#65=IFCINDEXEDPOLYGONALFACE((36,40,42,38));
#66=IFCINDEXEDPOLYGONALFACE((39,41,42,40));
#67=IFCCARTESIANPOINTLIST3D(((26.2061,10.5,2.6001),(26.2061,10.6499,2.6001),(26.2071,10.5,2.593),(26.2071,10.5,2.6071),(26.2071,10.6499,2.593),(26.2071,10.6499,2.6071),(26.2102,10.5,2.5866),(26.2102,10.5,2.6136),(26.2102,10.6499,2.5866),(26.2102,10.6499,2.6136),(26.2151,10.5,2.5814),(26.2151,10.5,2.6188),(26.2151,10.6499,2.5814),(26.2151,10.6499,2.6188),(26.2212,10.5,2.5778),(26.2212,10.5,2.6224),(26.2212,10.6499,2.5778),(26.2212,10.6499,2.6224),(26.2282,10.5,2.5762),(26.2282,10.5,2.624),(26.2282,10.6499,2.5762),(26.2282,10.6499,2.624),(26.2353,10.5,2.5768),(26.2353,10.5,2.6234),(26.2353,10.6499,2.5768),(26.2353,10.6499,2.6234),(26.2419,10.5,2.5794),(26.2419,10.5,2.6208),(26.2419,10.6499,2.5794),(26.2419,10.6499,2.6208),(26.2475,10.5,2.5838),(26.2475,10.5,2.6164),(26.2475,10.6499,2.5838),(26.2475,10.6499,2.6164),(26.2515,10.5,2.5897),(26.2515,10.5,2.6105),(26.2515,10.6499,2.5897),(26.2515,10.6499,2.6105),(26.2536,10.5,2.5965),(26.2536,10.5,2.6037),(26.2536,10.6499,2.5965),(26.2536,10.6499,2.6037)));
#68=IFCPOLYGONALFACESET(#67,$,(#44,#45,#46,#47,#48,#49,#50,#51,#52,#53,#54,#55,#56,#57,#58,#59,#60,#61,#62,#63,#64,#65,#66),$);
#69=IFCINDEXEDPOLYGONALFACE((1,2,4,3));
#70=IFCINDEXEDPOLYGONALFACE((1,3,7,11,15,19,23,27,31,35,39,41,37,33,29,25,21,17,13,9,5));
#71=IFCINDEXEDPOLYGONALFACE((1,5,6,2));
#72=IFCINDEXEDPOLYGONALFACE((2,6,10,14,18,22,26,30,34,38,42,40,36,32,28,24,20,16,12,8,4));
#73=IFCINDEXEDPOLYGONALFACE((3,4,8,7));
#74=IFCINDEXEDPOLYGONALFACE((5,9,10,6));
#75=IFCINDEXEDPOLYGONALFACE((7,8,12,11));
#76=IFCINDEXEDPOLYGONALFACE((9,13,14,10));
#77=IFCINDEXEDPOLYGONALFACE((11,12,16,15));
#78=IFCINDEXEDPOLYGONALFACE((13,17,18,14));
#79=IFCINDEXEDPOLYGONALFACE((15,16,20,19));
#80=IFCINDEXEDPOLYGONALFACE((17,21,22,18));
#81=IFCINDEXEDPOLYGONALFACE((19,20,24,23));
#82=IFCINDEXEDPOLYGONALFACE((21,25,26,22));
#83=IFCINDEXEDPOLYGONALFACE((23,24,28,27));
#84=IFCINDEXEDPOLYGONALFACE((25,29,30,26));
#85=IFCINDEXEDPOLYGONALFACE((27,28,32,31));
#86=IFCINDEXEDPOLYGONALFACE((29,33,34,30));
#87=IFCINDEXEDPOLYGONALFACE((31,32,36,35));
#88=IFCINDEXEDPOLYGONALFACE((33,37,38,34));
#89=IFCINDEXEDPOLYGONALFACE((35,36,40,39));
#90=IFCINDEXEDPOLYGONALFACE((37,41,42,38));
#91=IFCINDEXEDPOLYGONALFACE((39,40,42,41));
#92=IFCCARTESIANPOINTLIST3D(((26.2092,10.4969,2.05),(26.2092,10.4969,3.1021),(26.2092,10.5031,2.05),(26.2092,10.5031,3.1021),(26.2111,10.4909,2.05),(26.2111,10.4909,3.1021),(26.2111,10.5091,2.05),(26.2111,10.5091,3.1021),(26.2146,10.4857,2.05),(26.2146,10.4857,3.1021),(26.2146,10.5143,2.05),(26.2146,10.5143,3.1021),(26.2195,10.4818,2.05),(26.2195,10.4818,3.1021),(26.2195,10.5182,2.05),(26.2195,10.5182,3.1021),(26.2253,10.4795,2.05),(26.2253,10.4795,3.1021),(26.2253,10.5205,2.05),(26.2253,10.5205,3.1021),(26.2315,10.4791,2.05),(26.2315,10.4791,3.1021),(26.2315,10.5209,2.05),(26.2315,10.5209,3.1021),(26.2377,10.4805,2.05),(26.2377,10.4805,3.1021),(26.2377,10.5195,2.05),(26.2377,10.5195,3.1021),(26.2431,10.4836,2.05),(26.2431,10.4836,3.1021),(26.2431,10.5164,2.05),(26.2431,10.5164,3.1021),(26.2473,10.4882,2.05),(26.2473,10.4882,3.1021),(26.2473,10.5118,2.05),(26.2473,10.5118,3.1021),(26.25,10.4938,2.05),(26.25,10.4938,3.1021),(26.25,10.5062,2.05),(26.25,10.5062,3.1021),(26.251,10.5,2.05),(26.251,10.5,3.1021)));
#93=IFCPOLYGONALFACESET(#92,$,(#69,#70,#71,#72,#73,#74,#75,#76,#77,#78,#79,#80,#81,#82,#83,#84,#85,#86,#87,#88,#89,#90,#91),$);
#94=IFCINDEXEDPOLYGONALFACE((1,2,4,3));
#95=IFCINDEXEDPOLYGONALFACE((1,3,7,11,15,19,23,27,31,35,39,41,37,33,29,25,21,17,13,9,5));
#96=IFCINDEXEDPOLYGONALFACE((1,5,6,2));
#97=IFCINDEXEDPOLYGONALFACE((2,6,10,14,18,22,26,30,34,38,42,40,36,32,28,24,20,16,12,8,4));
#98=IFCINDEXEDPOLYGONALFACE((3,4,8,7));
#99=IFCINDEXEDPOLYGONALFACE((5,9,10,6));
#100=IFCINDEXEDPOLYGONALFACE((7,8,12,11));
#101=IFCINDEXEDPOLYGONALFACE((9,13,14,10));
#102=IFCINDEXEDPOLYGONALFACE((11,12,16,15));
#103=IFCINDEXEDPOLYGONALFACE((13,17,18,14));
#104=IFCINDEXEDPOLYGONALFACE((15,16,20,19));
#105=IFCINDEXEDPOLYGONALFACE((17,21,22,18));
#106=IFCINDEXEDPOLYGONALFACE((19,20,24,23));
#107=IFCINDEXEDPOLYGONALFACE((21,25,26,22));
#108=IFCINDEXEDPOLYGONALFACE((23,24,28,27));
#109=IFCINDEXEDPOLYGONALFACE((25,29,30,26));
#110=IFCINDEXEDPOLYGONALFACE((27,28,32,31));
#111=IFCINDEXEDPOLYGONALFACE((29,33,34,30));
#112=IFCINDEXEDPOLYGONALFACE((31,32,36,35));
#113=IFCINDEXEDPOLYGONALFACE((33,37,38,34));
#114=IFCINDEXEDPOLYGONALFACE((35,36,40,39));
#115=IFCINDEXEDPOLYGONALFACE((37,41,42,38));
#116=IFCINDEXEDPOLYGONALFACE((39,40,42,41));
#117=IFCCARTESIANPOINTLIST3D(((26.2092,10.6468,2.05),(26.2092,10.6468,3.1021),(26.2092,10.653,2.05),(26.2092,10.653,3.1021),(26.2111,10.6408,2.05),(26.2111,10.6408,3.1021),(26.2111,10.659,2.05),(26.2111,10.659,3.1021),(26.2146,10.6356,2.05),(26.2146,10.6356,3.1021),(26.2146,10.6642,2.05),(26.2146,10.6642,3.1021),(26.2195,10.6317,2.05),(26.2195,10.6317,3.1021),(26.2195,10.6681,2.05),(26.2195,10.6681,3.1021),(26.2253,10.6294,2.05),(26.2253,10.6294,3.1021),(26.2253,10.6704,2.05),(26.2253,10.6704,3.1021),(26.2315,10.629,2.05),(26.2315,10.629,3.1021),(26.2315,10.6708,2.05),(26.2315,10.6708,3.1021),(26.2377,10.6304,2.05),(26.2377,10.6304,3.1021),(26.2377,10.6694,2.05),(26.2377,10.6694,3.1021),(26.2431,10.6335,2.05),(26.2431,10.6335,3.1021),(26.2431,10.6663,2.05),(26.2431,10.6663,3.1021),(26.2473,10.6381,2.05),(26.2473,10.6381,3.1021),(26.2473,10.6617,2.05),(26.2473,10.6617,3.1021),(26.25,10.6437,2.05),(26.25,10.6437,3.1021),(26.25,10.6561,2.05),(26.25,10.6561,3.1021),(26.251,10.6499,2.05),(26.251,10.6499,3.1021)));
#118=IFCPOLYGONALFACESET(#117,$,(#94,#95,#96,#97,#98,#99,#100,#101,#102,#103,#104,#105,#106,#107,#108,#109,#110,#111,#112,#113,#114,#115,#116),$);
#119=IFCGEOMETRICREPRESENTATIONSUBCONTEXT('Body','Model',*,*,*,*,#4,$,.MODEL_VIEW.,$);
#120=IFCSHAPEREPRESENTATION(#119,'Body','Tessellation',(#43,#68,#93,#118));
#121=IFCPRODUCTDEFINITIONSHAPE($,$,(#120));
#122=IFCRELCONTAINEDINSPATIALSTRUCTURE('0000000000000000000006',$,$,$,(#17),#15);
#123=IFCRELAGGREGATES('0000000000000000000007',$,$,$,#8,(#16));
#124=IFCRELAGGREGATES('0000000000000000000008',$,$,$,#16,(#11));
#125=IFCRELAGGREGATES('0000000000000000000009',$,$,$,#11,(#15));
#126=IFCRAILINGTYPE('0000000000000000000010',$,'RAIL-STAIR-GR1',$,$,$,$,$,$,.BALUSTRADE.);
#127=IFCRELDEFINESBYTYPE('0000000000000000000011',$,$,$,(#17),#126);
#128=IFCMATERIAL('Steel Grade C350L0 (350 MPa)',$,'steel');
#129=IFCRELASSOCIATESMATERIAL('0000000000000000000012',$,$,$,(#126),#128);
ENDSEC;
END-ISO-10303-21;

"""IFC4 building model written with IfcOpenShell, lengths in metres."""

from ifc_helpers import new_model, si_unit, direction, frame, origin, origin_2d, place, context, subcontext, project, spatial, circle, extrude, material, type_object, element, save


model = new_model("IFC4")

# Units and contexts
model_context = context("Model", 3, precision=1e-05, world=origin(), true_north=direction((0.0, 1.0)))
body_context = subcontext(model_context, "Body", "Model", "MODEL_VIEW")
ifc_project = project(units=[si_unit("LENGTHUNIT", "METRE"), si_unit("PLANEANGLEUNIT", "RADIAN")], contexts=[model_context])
______
» **What to work on**:
Reproduce the listing above exactly from the line containing "building model written" through its last line, with both of those lines included.

» **Your solution**:
"""IFC4 building model written with IfcOpenShell, lengths in metres."""

from ifc_helpers import new_model, si_unit, direction, frame, origin, origin_2d, place, context, subcontext, project, spatial, circle, extrude, material, type_object, element, save


model = new_model("IFC4")

# Units and contexts
model_context = context("Model", 3, precision=1e-05, world=origin(), true_north=direction((0.0, 1.0)))
body_context = subcontext(model_context, "Body", "Model", "MODEL_VIEW")
ifc_project = project(units=[si_unit("LENGTHUNIT", "METRE"), si_unit("PLANEANGLEUNIT", "RADIAN")], contexts=[model_context])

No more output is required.